▶ [WORK ORDER]: Can you quote the lines below exactly, starting at the line with "# Site, building, storey" and going through the last one?

=== Section Start ===

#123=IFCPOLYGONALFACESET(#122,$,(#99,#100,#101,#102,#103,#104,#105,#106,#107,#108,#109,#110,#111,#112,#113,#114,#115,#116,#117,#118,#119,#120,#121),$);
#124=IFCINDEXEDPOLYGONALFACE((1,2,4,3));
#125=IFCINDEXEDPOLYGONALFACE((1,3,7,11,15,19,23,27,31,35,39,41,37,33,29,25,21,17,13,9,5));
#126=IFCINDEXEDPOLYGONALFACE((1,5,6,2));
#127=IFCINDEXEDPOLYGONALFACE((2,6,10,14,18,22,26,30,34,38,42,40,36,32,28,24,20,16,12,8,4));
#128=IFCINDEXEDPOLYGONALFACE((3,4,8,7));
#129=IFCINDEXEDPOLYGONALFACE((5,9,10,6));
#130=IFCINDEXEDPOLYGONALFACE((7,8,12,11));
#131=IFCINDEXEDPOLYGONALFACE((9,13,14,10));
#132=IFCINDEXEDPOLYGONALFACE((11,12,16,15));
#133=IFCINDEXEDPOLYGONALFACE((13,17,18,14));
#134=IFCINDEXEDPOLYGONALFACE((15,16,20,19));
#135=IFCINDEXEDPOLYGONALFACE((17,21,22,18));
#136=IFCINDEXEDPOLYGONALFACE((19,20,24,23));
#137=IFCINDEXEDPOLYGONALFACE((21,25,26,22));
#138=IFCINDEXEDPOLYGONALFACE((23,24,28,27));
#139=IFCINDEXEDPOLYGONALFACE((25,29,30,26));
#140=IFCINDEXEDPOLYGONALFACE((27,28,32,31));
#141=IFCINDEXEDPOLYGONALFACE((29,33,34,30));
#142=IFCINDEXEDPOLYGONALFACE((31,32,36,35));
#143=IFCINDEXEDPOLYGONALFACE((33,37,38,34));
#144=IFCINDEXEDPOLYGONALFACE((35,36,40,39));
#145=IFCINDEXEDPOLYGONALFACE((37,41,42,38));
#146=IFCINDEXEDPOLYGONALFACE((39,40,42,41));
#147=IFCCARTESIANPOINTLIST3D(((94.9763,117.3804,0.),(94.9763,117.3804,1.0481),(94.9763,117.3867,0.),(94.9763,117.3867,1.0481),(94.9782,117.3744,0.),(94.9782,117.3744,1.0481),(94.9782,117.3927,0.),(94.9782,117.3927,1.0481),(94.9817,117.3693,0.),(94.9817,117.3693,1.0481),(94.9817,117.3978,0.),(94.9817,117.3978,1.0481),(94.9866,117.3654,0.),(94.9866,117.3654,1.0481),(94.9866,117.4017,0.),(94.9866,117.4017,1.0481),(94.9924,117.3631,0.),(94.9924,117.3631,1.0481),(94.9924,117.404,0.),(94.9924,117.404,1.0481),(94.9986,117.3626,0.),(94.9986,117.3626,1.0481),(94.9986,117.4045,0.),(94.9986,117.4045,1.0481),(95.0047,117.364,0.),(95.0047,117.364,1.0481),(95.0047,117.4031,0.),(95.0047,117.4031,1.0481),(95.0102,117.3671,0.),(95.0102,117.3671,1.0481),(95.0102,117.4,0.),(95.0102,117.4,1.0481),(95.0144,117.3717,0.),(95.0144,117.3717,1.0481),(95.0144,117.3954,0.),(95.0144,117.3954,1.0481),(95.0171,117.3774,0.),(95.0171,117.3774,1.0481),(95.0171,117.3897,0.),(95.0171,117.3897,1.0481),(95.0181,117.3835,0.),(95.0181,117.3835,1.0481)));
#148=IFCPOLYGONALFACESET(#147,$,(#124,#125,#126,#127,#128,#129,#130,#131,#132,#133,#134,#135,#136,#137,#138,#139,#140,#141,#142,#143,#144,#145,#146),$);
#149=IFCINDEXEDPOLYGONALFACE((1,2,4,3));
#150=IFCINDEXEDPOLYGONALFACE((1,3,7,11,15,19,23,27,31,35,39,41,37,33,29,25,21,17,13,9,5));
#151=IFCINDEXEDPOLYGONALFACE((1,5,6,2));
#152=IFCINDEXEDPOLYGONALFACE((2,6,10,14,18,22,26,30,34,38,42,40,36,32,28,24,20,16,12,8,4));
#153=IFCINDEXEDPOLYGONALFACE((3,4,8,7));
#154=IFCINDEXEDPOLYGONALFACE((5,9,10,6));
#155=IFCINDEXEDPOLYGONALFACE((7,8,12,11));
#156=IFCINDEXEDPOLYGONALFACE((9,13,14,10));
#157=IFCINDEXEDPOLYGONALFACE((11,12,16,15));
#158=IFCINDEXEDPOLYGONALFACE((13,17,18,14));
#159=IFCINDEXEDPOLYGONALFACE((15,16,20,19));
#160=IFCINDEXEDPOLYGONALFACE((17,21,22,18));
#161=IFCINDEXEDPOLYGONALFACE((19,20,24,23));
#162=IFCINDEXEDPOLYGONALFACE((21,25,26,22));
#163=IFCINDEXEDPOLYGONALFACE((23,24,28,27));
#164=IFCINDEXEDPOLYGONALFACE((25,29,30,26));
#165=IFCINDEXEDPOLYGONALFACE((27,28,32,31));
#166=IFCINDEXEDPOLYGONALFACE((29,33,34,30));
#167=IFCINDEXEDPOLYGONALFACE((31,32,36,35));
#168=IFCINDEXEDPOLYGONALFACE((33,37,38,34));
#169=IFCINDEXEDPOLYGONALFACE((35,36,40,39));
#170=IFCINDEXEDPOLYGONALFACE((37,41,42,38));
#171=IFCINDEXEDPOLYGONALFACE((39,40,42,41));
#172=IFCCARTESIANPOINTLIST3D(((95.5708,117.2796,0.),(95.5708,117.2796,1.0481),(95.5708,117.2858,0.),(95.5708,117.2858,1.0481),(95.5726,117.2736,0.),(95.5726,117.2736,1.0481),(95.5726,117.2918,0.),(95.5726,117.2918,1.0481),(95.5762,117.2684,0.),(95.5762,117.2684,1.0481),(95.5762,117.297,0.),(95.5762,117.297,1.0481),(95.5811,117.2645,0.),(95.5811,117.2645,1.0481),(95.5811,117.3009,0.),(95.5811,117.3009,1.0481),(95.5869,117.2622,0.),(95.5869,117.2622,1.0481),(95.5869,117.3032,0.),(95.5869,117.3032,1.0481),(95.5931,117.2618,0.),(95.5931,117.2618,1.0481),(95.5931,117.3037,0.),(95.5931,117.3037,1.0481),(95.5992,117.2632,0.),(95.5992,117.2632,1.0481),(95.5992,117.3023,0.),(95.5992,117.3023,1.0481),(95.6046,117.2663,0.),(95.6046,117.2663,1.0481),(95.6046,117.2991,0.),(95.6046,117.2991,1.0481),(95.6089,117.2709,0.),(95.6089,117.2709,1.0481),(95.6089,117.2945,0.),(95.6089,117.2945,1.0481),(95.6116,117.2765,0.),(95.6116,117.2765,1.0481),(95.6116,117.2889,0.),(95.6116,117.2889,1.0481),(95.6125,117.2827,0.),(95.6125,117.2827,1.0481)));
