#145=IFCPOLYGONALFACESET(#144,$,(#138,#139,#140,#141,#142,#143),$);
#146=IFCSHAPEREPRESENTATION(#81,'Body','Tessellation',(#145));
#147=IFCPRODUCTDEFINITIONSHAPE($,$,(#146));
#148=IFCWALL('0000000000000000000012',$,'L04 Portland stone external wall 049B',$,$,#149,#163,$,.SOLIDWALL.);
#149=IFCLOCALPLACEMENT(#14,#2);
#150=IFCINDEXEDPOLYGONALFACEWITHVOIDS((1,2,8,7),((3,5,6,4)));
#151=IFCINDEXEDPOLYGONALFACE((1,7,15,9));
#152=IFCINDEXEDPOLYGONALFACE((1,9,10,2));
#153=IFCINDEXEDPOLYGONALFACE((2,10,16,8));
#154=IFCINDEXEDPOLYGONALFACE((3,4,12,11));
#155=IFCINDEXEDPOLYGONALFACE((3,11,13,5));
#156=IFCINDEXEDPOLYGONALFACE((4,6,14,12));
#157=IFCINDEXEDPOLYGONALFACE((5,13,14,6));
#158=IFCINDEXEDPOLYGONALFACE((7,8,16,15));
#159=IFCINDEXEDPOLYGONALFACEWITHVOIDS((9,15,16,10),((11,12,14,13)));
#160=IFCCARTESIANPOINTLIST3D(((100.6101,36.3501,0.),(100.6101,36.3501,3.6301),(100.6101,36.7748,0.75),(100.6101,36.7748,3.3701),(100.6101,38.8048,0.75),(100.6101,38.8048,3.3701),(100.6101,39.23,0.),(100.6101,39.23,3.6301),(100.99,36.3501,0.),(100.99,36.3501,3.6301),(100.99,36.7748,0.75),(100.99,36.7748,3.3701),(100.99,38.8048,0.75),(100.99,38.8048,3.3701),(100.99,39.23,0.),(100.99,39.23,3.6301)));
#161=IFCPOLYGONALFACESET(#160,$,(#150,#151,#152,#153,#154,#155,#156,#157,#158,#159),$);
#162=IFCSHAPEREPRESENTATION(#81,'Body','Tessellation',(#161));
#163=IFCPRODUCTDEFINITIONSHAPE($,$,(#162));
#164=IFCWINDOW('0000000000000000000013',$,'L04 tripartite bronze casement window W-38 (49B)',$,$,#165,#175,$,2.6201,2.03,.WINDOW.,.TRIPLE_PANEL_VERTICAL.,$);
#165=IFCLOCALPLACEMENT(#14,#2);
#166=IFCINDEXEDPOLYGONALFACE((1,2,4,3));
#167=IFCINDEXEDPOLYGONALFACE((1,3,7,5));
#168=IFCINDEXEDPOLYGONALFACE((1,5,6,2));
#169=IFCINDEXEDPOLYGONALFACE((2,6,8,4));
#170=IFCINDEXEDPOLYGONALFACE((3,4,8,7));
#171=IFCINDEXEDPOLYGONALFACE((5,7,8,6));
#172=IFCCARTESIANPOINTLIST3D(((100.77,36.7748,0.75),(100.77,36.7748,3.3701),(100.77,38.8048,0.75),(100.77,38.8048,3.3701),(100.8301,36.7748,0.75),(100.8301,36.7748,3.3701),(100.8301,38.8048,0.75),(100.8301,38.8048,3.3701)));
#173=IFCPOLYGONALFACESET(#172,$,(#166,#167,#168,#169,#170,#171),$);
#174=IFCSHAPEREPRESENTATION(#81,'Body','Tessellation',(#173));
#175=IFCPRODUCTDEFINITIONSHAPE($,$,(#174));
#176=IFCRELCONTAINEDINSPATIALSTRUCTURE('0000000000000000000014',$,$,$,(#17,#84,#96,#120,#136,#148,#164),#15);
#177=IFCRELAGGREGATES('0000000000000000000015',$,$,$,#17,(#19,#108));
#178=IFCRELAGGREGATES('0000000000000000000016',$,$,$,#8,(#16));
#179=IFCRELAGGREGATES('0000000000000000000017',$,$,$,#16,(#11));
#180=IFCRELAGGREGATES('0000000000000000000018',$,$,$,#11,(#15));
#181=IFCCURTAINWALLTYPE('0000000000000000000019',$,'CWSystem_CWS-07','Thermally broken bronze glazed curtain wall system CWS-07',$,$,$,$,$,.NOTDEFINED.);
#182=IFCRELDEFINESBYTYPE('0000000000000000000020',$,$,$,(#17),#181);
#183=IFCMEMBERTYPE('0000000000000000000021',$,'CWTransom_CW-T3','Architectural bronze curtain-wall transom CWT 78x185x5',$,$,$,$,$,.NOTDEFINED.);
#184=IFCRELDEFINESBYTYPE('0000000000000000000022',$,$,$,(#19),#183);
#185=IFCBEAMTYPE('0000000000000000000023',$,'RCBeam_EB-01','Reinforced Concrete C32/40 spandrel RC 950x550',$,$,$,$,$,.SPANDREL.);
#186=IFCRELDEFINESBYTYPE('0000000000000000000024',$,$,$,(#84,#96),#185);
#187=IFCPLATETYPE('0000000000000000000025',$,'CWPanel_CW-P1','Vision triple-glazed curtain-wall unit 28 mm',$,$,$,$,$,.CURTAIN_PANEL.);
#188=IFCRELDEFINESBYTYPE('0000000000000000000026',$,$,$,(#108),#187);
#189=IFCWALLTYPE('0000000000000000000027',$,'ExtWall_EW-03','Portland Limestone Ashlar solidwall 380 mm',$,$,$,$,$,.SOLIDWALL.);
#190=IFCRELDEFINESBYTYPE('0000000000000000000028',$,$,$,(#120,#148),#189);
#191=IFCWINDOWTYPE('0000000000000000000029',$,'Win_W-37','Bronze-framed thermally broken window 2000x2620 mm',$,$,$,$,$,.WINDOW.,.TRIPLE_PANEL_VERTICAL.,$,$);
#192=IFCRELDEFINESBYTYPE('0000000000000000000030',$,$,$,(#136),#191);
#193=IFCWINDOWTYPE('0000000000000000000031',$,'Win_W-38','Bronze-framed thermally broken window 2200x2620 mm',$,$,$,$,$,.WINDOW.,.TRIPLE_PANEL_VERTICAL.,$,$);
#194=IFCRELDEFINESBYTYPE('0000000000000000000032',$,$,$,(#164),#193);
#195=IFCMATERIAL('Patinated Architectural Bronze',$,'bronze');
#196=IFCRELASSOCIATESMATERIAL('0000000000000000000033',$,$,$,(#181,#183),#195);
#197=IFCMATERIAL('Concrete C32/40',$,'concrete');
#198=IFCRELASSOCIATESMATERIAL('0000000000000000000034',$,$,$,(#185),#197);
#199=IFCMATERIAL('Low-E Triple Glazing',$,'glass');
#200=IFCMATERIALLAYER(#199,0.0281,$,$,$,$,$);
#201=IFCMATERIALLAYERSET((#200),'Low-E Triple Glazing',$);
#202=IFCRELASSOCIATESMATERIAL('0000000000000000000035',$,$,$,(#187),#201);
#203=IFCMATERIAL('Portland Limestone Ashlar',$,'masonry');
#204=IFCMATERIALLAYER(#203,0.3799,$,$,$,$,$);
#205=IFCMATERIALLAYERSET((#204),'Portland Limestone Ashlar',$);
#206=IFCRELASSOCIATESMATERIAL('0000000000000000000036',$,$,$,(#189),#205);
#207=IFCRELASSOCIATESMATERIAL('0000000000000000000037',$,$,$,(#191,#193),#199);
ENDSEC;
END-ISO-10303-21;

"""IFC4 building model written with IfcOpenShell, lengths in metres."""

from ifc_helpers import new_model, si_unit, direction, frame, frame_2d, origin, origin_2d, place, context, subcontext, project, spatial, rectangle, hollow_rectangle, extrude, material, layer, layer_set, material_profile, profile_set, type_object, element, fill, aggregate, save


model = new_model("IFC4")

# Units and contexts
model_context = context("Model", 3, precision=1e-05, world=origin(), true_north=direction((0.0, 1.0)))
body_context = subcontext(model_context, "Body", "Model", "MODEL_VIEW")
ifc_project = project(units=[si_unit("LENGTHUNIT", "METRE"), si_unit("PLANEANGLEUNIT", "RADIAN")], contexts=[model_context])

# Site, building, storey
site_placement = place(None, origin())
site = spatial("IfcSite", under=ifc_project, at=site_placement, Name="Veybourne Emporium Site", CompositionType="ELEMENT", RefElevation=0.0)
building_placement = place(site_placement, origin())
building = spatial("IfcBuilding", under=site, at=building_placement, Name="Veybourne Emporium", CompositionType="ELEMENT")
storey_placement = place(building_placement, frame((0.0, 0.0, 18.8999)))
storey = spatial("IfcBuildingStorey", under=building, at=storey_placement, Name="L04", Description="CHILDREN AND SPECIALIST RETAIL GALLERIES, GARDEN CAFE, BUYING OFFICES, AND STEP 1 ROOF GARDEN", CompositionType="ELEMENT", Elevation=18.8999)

=== Section End ===

▶ [EXERCISE RESULT]:
# Site, building, storey
site_placement = place(None, origin())
site = spatial("IfcSite", under=ifc_project, at=site_placement, Name="Veybourne Emporium Site", CompositionType="ELEMENT", RefElevation=0.0)
building_placement = place(site_placement, origin())
building = spatial("IfcBuilding", under=site, at=building_placement, Name="Veybourne Emporium", CompositionType="ELEMENT")
storey_placement = place(building_placement, frame((0.0, 0.0, 18.8999)))
storey = spatial("IfcBuildingStorey", under=building, at=storey_placement, Name="L04", Description="CHILDREN AND SPECIALIST RETAIL GALLERIES, GARDEN CAFE, BUYING OFFICES, AND STEP 1 ROOF GARDEN", CompositionType="ELEMENT", Elevation=18.8999)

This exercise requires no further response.